▸ What to do: Retrieve all lines below that have the string "IFCRELDEFINESBYTYPE".

Collected data entries
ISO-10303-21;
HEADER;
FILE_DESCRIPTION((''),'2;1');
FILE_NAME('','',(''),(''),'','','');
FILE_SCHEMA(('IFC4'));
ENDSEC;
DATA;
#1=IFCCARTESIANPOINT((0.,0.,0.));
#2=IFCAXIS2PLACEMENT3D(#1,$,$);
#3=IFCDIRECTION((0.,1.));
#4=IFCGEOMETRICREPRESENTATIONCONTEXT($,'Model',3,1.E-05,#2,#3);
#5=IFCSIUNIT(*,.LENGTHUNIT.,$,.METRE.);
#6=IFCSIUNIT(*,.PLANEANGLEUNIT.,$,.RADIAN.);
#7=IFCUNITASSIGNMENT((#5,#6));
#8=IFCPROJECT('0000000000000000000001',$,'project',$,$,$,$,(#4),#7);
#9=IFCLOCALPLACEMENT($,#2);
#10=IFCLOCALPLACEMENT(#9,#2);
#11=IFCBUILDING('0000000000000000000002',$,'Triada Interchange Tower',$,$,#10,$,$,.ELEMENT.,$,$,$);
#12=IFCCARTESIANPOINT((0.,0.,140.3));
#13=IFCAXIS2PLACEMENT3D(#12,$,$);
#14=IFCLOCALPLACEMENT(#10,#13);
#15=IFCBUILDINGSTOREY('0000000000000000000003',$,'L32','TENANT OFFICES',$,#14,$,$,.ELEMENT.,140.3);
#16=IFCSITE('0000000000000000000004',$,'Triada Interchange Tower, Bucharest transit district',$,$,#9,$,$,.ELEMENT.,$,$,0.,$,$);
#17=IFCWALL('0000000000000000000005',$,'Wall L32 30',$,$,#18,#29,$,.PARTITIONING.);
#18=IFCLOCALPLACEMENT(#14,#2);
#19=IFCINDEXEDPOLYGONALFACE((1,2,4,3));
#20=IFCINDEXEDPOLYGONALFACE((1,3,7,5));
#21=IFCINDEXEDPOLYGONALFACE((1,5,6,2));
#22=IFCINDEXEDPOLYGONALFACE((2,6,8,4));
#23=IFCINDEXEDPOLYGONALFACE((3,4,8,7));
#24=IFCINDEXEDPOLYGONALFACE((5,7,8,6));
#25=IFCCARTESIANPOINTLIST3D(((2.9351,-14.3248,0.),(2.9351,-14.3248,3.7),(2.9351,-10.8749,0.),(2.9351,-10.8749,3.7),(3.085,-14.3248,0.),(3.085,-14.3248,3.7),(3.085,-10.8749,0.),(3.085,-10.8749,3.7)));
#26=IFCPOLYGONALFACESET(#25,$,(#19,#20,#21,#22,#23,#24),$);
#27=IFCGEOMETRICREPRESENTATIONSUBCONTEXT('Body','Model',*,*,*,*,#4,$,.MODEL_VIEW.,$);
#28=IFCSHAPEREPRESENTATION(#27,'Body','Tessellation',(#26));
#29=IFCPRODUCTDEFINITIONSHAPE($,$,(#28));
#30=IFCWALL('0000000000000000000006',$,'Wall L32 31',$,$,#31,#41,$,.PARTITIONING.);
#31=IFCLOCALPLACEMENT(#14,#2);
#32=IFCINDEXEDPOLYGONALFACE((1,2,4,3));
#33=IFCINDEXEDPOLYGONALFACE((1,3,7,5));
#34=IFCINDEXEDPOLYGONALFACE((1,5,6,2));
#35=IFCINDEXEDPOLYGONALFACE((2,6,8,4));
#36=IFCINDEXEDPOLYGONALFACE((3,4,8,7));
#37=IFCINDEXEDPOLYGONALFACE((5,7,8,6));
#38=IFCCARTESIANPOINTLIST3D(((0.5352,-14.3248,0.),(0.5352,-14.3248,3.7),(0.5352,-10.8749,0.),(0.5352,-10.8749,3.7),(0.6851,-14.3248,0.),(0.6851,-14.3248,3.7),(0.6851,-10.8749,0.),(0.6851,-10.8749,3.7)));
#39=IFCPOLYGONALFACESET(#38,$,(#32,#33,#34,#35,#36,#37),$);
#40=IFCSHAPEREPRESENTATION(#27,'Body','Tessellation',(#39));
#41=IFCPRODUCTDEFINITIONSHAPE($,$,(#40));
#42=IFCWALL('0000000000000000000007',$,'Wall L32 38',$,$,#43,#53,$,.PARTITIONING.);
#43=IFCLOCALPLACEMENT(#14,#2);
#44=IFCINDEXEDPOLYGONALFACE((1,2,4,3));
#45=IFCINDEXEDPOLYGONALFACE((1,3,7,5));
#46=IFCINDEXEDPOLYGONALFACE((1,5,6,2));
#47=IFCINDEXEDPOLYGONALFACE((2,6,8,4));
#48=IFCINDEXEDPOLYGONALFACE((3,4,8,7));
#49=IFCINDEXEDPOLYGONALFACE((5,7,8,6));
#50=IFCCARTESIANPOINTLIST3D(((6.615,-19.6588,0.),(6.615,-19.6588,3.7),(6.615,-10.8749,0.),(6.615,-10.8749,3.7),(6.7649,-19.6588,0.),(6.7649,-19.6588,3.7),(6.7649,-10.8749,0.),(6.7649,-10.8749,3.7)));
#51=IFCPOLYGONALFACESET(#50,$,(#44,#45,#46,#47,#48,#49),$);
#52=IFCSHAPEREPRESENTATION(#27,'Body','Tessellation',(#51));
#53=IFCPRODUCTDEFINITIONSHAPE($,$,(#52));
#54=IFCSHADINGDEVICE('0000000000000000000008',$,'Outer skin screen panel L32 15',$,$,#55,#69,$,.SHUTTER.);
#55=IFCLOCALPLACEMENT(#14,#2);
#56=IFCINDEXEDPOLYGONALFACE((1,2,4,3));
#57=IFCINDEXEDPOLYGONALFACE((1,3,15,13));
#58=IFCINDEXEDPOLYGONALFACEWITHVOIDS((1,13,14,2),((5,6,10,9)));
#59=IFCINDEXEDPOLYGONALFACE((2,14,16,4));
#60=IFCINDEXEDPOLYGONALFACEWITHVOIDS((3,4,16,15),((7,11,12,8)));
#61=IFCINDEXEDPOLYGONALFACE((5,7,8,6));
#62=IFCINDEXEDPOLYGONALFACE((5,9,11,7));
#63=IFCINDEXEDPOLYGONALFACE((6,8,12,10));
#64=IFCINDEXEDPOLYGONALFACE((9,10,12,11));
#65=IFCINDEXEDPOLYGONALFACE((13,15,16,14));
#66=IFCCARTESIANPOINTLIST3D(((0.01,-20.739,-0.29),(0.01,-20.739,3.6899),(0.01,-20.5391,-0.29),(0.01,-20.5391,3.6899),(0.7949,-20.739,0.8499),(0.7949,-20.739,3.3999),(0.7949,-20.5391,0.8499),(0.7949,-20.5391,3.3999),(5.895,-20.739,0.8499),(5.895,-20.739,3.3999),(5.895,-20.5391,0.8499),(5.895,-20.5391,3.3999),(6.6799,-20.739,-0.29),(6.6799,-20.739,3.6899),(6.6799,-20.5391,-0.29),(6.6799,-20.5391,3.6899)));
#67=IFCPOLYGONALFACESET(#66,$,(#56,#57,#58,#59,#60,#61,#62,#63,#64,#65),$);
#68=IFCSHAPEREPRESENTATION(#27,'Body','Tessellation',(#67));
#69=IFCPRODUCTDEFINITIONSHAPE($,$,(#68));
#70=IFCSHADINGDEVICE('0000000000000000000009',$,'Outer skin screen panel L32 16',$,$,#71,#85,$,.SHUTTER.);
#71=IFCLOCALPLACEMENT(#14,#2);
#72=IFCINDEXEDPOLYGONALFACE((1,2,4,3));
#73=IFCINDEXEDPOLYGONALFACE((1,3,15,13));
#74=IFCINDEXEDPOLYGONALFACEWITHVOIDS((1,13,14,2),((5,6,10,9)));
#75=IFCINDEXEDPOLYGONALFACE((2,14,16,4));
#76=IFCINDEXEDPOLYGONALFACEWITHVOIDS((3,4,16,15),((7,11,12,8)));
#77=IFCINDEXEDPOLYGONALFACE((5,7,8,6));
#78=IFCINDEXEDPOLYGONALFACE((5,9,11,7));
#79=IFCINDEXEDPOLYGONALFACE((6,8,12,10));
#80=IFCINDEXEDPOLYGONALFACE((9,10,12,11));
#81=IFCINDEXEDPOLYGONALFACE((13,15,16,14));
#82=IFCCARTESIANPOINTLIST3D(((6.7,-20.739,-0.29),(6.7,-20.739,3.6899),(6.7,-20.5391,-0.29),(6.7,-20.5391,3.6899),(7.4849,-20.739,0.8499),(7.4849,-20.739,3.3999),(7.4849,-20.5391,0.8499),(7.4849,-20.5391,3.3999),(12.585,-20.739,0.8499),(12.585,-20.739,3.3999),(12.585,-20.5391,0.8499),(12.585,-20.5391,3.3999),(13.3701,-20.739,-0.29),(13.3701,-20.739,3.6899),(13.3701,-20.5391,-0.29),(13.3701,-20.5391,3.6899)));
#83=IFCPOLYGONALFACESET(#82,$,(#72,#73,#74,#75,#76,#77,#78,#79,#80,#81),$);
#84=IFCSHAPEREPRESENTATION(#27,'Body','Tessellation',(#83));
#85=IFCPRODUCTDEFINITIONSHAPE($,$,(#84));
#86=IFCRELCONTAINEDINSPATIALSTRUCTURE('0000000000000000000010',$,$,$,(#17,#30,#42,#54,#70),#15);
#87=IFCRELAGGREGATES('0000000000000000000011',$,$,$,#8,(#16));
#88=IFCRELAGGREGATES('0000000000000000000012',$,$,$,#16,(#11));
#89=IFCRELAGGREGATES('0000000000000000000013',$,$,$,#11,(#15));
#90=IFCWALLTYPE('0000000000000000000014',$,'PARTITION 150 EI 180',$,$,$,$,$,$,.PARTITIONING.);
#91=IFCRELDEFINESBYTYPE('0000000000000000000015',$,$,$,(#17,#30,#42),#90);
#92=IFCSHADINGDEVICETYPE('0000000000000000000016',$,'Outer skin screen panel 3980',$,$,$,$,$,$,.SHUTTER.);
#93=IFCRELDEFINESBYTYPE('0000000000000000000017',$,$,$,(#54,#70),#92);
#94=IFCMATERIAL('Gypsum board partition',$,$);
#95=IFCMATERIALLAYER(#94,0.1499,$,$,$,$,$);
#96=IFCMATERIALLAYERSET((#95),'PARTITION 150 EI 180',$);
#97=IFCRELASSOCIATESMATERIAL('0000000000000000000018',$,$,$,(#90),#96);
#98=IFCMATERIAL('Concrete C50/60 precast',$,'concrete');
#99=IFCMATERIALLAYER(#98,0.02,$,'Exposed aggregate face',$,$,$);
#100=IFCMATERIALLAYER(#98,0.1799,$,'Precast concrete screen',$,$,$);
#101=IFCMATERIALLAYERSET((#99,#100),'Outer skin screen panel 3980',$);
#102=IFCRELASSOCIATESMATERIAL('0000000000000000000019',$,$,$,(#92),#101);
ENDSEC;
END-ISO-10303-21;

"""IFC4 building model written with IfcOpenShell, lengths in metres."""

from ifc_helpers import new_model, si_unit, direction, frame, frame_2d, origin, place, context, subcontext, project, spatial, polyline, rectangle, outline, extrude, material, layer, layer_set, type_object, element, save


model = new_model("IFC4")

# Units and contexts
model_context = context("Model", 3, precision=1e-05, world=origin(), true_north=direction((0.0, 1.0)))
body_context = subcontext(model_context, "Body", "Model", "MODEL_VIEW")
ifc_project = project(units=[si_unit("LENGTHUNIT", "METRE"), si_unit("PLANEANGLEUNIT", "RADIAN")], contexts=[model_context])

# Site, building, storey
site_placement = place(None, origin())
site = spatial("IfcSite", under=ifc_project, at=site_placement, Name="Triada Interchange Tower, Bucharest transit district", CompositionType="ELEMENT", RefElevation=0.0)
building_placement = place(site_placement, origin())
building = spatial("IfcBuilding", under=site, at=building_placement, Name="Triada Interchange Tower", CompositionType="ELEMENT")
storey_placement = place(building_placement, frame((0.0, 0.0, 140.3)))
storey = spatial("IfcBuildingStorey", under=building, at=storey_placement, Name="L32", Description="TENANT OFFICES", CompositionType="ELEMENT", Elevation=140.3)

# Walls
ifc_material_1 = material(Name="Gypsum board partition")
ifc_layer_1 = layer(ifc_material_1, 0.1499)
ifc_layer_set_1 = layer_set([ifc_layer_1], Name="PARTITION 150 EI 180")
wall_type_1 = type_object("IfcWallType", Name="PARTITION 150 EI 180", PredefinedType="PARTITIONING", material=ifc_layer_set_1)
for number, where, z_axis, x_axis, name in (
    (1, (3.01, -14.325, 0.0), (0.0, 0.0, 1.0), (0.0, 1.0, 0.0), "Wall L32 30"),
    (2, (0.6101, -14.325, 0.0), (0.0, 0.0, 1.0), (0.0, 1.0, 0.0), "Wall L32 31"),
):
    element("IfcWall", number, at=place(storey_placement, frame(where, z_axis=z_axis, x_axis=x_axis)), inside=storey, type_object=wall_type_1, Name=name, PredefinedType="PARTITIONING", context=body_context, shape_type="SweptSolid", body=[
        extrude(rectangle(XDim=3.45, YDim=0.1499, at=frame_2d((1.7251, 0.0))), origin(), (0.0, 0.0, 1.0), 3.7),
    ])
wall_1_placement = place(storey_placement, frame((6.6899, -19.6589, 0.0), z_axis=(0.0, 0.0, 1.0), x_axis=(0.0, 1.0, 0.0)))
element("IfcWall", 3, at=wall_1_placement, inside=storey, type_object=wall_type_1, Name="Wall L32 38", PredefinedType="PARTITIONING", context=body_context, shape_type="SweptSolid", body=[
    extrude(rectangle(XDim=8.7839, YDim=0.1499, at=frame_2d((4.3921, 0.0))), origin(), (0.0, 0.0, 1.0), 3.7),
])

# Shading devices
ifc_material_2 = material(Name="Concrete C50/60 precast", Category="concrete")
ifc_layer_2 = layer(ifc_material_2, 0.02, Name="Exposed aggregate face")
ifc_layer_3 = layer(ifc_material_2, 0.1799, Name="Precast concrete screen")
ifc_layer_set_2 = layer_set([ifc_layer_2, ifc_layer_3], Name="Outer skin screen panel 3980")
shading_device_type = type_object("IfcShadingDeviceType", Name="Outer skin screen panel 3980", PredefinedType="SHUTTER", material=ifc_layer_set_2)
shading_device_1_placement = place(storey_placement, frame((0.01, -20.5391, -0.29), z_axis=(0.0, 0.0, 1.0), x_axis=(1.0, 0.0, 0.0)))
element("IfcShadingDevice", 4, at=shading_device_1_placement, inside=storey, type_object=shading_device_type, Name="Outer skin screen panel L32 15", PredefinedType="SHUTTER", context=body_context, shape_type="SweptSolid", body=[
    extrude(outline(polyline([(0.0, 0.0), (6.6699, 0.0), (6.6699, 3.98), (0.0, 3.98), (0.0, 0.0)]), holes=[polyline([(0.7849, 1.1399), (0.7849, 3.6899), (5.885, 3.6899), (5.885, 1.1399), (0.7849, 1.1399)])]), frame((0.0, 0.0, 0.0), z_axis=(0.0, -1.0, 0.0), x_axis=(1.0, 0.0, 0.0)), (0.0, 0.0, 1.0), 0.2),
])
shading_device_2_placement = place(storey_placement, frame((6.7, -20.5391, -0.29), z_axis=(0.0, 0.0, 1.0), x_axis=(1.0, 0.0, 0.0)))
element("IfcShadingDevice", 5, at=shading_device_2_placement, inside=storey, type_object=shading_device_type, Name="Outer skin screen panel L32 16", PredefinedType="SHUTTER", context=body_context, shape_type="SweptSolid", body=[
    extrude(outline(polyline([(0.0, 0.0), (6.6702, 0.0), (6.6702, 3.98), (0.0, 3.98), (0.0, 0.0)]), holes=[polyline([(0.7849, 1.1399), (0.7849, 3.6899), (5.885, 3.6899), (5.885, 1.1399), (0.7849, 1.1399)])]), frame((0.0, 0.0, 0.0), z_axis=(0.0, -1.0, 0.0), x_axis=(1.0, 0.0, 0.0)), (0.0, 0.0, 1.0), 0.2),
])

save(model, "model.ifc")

--

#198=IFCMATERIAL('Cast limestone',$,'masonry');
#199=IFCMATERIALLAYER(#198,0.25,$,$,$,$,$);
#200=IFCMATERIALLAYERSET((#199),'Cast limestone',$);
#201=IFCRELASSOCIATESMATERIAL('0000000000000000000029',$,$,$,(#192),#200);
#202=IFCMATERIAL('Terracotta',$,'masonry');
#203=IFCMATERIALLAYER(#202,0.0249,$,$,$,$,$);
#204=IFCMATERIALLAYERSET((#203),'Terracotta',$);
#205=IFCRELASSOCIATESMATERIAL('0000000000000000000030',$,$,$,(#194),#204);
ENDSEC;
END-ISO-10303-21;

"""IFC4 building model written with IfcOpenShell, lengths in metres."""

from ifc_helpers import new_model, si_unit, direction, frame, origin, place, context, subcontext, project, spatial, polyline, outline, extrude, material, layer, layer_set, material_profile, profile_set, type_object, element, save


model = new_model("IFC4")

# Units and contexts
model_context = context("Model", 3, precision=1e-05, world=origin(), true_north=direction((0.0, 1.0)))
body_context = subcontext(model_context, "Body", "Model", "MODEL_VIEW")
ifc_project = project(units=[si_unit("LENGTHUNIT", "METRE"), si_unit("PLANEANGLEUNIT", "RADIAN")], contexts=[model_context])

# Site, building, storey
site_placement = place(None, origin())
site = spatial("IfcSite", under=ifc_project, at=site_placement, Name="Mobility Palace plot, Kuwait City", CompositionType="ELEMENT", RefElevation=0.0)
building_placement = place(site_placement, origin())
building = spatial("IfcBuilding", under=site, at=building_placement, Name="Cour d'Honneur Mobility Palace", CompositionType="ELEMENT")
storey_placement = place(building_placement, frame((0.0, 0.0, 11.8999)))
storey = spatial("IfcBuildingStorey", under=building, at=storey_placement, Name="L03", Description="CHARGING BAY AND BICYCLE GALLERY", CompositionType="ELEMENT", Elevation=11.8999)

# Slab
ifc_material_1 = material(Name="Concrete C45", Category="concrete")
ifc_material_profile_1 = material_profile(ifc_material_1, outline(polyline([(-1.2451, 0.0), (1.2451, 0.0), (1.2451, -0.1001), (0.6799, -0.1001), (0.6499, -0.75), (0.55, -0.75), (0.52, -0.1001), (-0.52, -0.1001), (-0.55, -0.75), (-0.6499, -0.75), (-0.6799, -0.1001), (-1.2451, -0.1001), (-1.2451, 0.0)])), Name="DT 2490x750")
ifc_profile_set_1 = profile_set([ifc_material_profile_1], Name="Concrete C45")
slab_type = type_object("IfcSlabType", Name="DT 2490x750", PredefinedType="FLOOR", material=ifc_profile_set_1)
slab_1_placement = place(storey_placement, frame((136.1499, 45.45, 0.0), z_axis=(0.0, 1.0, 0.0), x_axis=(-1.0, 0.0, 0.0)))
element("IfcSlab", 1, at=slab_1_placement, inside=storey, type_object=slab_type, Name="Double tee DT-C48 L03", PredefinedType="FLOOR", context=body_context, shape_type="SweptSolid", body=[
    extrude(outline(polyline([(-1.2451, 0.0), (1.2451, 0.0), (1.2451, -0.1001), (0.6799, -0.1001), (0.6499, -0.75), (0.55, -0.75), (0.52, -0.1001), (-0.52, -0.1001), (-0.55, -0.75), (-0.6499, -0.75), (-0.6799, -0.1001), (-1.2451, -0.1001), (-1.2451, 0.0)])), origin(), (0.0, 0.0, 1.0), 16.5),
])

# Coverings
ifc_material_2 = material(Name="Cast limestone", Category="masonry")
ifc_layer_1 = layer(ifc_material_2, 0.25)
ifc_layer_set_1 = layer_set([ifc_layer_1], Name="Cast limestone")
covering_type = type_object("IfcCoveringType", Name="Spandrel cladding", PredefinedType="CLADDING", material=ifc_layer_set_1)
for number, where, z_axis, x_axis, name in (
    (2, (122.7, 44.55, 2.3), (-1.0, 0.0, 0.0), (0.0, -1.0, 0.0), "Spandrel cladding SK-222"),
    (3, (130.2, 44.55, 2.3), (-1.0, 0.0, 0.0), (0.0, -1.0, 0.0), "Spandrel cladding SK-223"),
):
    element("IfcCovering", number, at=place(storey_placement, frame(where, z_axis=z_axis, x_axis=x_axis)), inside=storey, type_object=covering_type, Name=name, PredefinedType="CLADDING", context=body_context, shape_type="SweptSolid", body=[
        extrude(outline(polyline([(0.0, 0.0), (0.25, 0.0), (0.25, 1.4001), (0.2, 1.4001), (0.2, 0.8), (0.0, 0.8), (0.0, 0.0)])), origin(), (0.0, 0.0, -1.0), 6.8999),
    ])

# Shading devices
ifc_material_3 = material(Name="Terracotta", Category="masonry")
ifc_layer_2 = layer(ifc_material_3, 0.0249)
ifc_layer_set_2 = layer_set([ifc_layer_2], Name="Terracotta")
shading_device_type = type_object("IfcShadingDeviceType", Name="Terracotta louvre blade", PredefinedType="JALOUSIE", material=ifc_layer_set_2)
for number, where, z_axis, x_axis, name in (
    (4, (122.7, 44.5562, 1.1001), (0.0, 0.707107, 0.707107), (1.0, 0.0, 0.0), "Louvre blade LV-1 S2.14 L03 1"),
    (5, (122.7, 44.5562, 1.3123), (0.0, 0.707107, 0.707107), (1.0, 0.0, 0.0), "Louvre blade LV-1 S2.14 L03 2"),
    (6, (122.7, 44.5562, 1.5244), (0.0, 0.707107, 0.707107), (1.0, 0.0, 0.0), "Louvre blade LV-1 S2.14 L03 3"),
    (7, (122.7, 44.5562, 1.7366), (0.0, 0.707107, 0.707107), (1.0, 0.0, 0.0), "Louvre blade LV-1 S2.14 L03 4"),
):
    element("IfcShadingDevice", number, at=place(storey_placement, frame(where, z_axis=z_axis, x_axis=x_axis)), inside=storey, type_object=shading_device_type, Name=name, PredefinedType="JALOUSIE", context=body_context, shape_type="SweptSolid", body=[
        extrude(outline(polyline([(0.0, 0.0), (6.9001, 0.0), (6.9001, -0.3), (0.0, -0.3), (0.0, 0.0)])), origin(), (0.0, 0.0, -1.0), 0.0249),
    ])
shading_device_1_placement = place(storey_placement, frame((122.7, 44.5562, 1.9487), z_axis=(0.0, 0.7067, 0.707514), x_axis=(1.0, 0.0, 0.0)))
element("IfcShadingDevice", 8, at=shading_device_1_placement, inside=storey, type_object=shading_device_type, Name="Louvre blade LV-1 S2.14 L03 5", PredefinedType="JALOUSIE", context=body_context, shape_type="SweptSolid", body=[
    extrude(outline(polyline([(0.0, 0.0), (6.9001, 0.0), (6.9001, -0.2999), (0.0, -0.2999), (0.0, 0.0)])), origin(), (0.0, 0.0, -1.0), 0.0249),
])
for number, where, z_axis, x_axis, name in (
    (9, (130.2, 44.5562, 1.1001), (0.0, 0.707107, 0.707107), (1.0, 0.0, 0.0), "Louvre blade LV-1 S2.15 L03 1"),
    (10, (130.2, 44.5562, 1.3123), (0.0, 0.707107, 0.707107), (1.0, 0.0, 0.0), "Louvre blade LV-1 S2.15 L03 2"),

▸ Your response:
#91=IFCRELDEFINESBYTYPE('0000000000000000000015',$,$,$,(#17,#30,#42),#90);
#93=IFCRELDEFINESBYTYPE('0000000000000000000017',$,$,$,(#54,#70),#92);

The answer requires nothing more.